* What is needed
Please copy, character for character, each line from the beginning of the listing to the line containing "#14=IFCLOCALPLACEMENT(#10,#13);", including both.
(Input data begins)
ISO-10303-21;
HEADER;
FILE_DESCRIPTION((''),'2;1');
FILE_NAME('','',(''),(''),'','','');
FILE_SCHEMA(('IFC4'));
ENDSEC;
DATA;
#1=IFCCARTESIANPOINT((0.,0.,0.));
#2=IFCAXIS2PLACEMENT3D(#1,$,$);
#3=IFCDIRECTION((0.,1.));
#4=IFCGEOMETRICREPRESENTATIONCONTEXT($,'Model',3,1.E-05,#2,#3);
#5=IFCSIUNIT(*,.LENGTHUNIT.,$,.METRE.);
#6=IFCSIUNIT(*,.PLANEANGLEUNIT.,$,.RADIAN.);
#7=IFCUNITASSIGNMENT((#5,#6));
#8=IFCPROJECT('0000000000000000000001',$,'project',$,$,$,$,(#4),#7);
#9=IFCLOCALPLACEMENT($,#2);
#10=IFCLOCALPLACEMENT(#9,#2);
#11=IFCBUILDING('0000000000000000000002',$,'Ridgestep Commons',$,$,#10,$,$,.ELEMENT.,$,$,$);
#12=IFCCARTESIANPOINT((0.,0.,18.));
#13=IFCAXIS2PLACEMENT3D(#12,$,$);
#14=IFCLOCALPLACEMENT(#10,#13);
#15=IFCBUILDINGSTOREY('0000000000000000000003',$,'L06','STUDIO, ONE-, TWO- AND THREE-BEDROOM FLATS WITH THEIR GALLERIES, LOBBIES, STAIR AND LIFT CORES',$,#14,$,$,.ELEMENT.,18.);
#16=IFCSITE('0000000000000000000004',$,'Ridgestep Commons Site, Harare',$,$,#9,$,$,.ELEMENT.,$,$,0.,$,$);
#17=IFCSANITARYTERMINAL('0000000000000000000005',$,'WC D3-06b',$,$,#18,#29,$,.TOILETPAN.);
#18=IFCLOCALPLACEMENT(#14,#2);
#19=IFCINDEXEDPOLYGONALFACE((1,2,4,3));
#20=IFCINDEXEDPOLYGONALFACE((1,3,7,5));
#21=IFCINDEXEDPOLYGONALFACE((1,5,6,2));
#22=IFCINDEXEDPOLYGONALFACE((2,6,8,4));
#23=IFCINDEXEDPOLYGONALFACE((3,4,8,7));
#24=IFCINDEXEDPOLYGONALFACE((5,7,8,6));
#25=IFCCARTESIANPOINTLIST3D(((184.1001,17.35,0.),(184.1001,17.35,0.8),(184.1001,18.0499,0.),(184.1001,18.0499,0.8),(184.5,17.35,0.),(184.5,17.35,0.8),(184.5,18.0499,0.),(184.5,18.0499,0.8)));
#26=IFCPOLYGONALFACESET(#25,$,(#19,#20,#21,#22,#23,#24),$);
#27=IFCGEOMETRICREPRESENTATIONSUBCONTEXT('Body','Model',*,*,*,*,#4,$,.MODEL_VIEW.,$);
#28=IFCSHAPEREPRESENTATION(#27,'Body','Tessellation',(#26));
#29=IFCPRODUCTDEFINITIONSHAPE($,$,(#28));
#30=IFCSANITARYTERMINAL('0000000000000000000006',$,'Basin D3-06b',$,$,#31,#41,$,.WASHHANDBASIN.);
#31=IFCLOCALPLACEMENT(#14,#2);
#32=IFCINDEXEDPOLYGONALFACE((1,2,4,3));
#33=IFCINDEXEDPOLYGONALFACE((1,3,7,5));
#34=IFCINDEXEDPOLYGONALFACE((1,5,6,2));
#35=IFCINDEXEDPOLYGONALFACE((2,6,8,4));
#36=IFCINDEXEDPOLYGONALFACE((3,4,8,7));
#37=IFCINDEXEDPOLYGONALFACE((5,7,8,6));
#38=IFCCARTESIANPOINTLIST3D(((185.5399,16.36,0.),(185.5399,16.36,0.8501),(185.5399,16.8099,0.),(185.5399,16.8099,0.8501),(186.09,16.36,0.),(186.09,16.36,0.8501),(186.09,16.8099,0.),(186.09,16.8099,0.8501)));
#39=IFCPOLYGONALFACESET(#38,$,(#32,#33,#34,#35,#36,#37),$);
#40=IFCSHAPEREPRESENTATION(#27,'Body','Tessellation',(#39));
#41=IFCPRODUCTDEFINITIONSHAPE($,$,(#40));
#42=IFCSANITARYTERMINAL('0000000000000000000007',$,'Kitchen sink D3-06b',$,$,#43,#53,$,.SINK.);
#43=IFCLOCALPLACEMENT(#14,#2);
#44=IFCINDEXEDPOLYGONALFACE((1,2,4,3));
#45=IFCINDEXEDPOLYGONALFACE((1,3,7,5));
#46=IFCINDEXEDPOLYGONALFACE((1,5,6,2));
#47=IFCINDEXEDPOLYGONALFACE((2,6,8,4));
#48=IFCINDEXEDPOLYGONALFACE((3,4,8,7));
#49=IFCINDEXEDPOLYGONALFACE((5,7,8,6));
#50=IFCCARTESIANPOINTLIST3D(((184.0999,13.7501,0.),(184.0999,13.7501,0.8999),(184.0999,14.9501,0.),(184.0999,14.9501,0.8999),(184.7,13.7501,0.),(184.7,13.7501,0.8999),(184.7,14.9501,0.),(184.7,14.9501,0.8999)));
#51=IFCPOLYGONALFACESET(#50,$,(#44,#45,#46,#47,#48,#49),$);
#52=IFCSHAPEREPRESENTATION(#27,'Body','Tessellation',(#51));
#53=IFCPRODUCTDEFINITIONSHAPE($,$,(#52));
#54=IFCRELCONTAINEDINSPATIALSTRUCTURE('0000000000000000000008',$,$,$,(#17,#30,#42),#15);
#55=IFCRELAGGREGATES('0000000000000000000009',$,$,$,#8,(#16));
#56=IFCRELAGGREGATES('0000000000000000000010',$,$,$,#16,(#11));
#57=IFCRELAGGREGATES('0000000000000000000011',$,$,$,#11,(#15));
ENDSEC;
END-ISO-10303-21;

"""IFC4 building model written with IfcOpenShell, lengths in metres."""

from ifc_helpers import new_model, si_unit, direction, frame, origin, origin_2d, place, context, subcontext, project, spatial, rectangle, extrude, element, save


model = new_model("IFC4")

# Units and contexts
model_context = context("Model", 3, precision=1e-05, world=origin(), true_north=direction((0.0, 1.0)))
body_context = subcontext(model_context, "Body", "Model", "MODEL_VIEW")
ifc_project = project(units=[si_unit("LENGTHUNIT", "METRE"), si_unit("PLANEANGLEUNIT", "RADIAN")], contexts=[model_context])

# Site, building, storey
site_placement = place(None, origin())
site = spatial("IfcSite", under=ifc_project, at=site_placement, Name="Ridgestep Commons Site, Harare", CompositionType="ELEMENT", RefElevation=0.0)
building_placement = place(site_placement, origin())
building = spatial("IfcBuilding", under=site, at=building_placement, Name="Ridgestep Commons", CompositionType="ELEMENT")
storey_placement = place(building_placement, frame((0.0, 0.0, 18.0)))
storey = spatial("IfcBuildingStorey", under=building, at=storey_placement, Name="L06", Description="STUDIO, ONE-, TWO- AND THREE-BEDROOM FLATS WITH THEIR GALLERIES, LOBBIES, STAIR AND LIFT CORES", CompositionType="ELEMENT", Elevation=18.0)

# Sanitary terminals
sanitary_terminal_1_placement = place(storey_placement, frame((184.3, 17.7, 0.0), z_axis=(0.0, 0.0, 1.0), x_axis=(1.0, 0.0, 0.0)))
element("IfcSanitaryTerminal", 1, at=sanitary_terminal_1_placement, inside=storey, Name="WC D3-06b", PredefinedType="TOILETPAN", context=body_context, shape_type="SweptSolid", body=[
    extrude(rectangle(XDim=0.3999, YDim=0.7, at=origin_2d()), origin(), (0.0, 0.0, 1.0), 0.8),
])
sanitary_terminal_2_placement = place(storey_placement, frame((185.8149, 16.585, 0.0), z_axis=(0.0, 0.0, 1.0), x_axis=(1.0, 0.0, 0.0)))
element("IfcSanitaryTerminal", 2, at=sanitary_terminal_2_placement, inside=storey, Name="Basin D3-06b", PredefinedType="WASHHANDBASIN", context=body_context, shape_type="SweptSolid", body=[
    extrude(rectangle(XDim=0.55, YDim=0.45, at=origin_2d()), origin(), (0.0, 0.0, 1.0), 0.8501),
])
sanitary_terminal_3_placement = place(storey_placement, frame((184.3999, 14.3501, 0.0), z_axis=(0.0, 0.0, 1.0), x_axis=(1.0, 0.0, 0.0)))
element("IfcSanitaryTerminal", 3, at=sanitary_terminal_3_placement, inside=storey, Name="Kitchen sink D3-06b", PredefinedType="SINK", context=body_context, shape_type="SweptSolid", body=[
    extrude(rectangle(XDim=0.6001, YDim=1.2, at=origin_2d()), origin(), (0.0, 0.0, 1.0), 0.8999),
])

save(model, "model.ifc")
(Input data ends)
* Solution to the exercise
ISO-10303-21;
HEADER;
FILE_DESCRIPTION((''),'2;1');
FILE_NAME('','',(''),(''),'','','');
FILE_SCHEMA(('IFC4'));
ENDSEC;
DATA;
#1=IFCCARTESIANPOINT((0.,0.,0.));
#2=IFCAXIS2PLACEMENT3D(#1,$,$);
#3=IFCDIRECTION((0.,1.));
#4=IFCGEOMETRICREPRESENTATIONCONTEXT($,'Model',3,1.E-05,#2,#3);
#5=IFCSIUNIT(*,.LENGTHUNIT.,$,.METRE.);
#6=IFCSIUNIT(*,.PLANEANGLEUNIT.,$,.RADIAN.);
#7=IFCUNITASSIGNMENT((#5,#6));
#8=IFCPROJECT('0000000000000000000001',$,'project',$,$,$,$,(#4),#7);
#9=IFCLOCALPLACEMENT($,#2);
#10=IFCLOCALPLACEMENT(#9,#2);
#11=IFCBUILDING('0000000000000000000002',$,'Ridgestep Commons',$,$,#10,$,$,.ELEMENT.,$,$,$);
#12=IFCCARTESIANPOINT((0.,0.,18.));
#13=IFCAXIS2PLACEMENT3D(#12,$,$);
#14=IFCLOCALPLACEMENT(#10,#13);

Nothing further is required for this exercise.